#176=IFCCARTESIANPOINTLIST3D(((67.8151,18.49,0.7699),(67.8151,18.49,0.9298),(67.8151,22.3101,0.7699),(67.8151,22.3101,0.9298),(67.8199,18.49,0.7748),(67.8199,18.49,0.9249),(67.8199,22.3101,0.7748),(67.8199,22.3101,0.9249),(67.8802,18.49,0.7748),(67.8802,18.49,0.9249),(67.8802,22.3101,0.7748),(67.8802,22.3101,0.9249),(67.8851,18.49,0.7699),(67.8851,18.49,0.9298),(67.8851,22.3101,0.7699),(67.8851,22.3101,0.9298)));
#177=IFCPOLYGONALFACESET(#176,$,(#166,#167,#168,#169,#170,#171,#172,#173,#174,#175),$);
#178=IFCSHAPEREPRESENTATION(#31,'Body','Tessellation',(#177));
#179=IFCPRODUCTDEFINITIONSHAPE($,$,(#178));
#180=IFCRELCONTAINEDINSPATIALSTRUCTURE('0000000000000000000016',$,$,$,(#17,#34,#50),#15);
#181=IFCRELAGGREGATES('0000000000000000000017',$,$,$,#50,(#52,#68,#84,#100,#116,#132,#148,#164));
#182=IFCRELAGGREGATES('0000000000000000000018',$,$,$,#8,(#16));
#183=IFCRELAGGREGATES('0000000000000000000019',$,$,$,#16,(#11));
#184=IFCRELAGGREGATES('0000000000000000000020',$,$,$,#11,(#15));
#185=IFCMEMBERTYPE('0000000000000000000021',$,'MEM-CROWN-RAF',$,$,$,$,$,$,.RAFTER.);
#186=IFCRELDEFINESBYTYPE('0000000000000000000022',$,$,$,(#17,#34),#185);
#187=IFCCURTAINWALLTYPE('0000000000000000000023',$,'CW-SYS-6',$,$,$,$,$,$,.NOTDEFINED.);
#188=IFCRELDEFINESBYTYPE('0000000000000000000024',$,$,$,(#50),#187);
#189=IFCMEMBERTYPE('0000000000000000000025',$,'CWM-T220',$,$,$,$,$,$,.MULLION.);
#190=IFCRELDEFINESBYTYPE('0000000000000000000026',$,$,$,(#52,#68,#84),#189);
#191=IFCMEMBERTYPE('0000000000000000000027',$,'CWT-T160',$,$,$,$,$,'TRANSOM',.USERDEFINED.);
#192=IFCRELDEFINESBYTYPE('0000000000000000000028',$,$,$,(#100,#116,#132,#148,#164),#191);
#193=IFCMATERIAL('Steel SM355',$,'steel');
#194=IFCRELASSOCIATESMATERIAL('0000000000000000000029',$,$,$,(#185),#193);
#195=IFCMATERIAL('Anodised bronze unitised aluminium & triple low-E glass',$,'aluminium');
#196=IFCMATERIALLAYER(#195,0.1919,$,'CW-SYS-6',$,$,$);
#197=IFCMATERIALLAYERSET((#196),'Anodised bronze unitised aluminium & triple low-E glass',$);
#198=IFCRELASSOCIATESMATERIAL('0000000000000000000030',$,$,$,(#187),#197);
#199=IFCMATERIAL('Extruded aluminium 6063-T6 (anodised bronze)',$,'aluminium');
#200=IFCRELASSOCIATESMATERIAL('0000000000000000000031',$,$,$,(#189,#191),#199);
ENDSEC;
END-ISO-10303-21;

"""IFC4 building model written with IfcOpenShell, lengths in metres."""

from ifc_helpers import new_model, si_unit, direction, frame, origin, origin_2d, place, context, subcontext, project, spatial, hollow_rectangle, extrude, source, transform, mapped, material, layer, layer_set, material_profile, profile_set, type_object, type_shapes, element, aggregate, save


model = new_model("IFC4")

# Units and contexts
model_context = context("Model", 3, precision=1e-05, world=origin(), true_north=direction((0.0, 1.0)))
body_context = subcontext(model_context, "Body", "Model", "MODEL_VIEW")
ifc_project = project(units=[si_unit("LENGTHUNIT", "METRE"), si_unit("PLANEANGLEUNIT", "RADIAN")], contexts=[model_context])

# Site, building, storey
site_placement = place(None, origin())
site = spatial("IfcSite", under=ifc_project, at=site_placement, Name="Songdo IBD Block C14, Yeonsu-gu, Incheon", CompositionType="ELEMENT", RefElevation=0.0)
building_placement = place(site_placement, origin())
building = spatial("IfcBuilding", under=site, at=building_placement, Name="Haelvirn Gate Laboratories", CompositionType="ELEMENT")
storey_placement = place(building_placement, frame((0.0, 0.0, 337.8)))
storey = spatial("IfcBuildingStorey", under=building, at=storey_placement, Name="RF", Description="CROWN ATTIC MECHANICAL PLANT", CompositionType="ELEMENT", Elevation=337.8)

---

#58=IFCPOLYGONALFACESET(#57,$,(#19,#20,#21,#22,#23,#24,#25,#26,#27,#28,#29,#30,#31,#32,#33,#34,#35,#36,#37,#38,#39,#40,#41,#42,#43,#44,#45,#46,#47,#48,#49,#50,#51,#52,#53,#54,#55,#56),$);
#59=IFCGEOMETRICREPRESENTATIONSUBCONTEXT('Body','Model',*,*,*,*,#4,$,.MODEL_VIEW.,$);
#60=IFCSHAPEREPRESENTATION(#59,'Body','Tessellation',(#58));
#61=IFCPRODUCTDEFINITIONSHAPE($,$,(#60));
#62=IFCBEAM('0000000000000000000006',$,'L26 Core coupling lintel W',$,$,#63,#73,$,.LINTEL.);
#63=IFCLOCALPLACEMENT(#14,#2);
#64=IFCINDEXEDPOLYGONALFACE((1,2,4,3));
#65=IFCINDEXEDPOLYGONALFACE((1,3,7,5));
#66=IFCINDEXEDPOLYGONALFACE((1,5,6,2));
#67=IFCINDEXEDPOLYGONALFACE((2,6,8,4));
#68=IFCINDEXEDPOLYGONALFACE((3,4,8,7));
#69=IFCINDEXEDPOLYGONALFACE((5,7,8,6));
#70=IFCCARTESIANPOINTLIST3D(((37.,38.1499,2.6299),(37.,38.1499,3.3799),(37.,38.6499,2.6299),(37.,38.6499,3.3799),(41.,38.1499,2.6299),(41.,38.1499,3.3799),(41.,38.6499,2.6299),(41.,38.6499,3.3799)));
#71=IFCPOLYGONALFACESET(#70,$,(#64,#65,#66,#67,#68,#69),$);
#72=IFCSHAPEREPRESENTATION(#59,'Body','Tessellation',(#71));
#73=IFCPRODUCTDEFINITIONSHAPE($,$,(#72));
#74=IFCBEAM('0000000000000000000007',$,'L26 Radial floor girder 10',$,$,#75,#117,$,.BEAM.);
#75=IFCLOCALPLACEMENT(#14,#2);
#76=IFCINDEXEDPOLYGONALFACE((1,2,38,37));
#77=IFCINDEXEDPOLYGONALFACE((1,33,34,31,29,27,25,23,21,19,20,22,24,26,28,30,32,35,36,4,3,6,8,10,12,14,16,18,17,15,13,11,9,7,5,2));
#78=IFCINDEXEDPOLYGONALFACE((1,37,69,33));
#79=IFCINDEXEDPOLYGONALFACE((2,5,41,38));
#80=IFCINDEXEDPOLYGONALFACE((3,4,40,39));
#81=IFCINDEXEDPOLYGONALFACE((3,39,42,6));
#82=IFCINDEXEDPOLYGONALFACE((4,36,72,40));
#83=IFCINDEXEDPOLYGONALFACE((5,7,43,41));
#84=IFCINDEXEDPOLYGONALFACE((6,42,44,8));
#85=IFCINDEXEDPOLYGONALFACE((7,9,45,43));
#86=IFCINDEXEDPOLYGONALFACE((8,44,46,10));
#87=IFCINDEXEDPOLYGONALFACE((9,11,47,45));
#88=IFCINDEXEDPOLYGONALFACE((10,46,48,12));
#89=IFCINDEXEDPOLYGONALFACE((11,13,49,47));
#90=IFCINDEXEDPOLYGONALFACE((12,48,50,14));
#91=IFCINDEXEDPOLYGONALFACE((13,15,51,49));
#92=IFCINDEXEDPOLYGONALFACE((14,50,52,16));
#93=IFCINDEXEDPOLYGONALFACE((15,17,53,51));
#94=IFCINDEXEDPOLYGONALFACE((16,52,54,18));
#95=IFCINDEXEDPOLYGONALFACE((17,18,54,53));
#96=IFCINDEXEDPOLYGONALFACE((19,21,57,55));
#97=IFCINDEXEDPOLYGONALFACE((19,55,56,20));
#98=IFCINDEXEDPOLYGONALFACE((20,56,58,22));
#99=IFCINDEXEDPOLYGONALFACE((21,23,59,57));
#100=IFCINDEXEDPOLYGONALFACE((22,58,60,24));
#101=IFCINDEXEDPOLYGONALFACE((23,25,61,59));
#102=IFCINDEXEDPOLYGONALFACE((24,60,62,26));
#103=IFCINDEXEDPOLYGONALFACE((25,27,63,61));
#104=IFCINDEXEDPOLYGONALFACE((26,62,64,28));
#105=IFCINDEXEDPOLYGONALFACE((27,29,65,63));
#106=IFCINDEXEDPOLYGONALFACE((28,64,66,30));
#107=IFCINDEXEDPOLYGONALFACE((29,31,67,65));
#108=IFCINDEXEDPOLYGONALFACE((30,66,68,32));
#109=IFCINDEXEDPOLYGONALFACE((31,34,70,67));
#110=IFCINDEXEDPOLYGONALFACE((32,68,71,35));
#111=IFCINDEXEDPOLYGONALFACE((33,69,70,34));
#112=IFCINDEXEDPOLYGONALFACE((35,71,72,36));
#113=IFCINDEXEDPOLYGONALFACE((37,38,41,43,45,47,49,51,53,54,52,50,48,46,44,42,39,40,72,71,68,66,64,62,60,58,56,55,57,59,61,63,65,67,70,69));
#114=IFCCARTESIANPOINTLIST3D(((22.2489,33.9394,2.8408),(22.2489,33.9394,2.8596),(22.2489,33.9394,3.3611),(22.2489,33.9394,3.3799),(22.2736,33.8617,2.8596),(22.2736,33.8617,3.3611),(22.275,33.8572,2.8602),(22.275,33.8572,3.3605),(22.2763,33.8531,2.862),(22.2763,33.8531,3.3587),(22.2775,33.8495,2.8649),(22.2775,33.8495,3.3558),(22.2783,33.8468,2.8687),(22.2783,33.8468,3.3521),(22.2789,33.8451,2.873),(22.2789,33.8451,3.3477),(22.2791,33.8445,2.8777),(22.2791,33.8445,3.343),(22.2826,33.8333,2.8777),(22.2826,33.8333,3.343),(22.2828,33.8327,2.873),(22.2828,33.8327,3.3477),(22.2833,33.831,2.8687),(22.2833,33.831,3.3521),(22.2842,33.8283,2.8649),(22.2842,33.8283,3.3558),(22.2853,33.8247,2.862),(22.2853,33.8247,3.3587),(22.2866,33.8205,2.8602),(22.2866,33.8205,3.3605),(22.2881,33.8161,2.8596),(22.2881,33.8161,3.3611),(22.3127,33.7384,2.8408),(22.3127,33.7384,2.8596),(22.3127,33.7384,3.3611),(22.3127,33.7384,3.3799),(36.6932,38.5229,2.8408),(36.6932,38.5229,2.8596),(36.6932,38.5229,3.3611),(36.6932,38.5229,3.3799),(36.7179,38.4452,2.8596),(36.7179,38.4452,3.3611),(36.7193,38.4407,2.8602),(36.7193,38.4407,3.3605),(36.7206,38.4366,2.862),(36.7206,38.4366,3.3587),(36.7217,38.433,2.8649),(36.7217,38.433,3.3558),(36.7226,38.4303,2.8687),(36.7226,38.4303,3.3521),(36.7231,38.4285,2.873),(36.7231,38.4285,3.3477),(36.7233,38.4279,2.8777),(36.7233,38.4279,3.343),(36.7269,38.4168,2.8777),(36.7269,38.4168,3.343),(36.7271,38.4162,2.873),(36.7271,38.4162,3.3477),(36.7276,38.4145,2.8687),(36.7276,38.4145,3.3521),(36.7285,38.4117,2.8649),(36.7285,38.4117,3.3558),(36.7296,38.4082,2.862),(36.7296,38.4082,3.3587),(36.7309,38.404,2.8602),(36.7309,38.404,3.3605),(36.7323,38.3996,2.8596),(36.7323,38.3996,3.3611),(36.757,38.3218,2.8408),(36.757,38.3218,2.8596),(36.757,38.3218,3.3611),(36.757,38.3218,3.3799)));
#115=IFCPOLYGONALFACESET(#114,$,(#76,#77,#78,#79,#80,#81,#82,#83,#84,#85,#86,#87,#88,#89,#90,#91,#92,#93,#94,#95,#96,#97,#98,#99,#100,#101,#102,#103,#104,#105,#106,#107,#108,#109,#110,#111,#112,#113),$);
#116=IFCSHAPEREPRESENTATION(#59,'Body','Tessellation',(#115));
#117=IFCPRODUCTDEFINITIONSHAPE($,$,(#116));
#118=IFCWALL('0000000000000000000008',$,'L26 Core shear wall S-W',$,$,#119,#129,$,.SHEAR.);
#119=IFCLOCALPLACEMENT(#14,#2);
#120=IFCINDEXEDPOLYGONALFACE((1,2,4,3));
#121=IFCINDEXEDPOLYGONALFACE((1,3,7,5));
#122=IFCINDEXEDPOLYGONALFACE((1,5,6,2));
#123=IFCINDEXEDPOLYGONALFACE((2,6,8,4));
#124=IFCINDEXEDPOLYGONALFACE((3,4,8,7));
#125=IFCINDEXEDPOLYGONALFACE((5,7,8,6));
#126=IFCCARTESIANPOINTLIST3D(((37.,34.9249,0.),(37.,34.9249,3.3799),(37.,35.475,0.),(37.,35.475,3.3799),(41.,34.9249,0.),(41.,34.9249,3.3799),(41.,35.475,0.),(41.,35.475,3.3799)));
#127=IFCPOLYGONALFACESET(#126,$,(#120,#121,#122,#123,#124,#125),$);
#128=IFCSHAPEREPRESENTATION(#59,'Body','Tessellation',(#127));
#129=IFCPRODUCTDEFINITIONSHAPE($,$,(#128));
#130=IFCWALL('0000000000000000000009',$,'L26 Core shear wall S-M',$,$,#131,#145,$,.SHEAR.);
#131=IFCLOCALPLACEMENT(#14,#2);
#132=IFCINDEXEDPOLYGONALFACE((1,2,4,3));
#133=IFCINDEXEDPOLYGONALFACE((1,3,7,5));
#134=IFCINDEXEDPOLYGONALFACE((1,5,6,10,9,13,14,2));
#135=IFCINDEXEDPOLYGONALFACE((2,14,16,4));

§ **PROBLEM DETAILS**
Lines to set down from above: the line with "#120=IFCINDEXEDPOLYGONALFACE((1,2,4,3));", the line with "#135=IFCINDEXEDPOLYGONALFACE((2,14,16,4));", and every line between, each exactly as written.

§ **FINISHED TASK**
#120=IFCINDEXEDPOLYGONALFACE((1,2,4,3));
#121=IFCINDEXEDPOLYGONALFACE((1,3,7,5));
#122=IFCINDEXEDPOLYGONALFACE((1,5,6,2));
#123=IFCINDEXEDPOLYGONALFACE((2,6,8,4));
#124=IFCINDEXEDPOLYGONALFACE((3,4,8,7));
#125=IFCINDEXEDPOLYGONALFACE((5,7,8,6));
#126=IFCCARTESIANPOINTLIST3D(((37.,34.9249,0.),(37.,34.9249,3.3799),(37.,35.475,0.),(37.,35.475,3.3799),(41.,34.9249,0.),(41.,34.9249,3.3799),(41.,35.475,0.),(41.,35.475,3.3799)));
#127=IFCPOLYGONALFACESET(#126,$,(#120,#121,#122,#123,#124,#125),$);
#128=IFCSHAPEREPRESENTATION(#59,'Body','Tessellation',(#127));
#129=IFCPRODUCTDEFINITIONSHAPE($,$,(#128));
#130=IFCWALL('0000000000000000000009',$,'L26 Core shear wall S-M',$,$,#131,#145,$,.SHEAR.);
#131=IFCLOCALPLACEMENT(#14,#2);
#132=IFCINDEXEDPOLYGONALFACE((1,2,4,3));
#133=IFCINDEXEDPOLYGONALFACE((1,3,7,5));
#134=IFCINDEXEDPOLYGONALFACE((1,5,6,10,9,13,14,2));
#135=IFCINDEXEDPOLYGONALFACE((2,14,16,4));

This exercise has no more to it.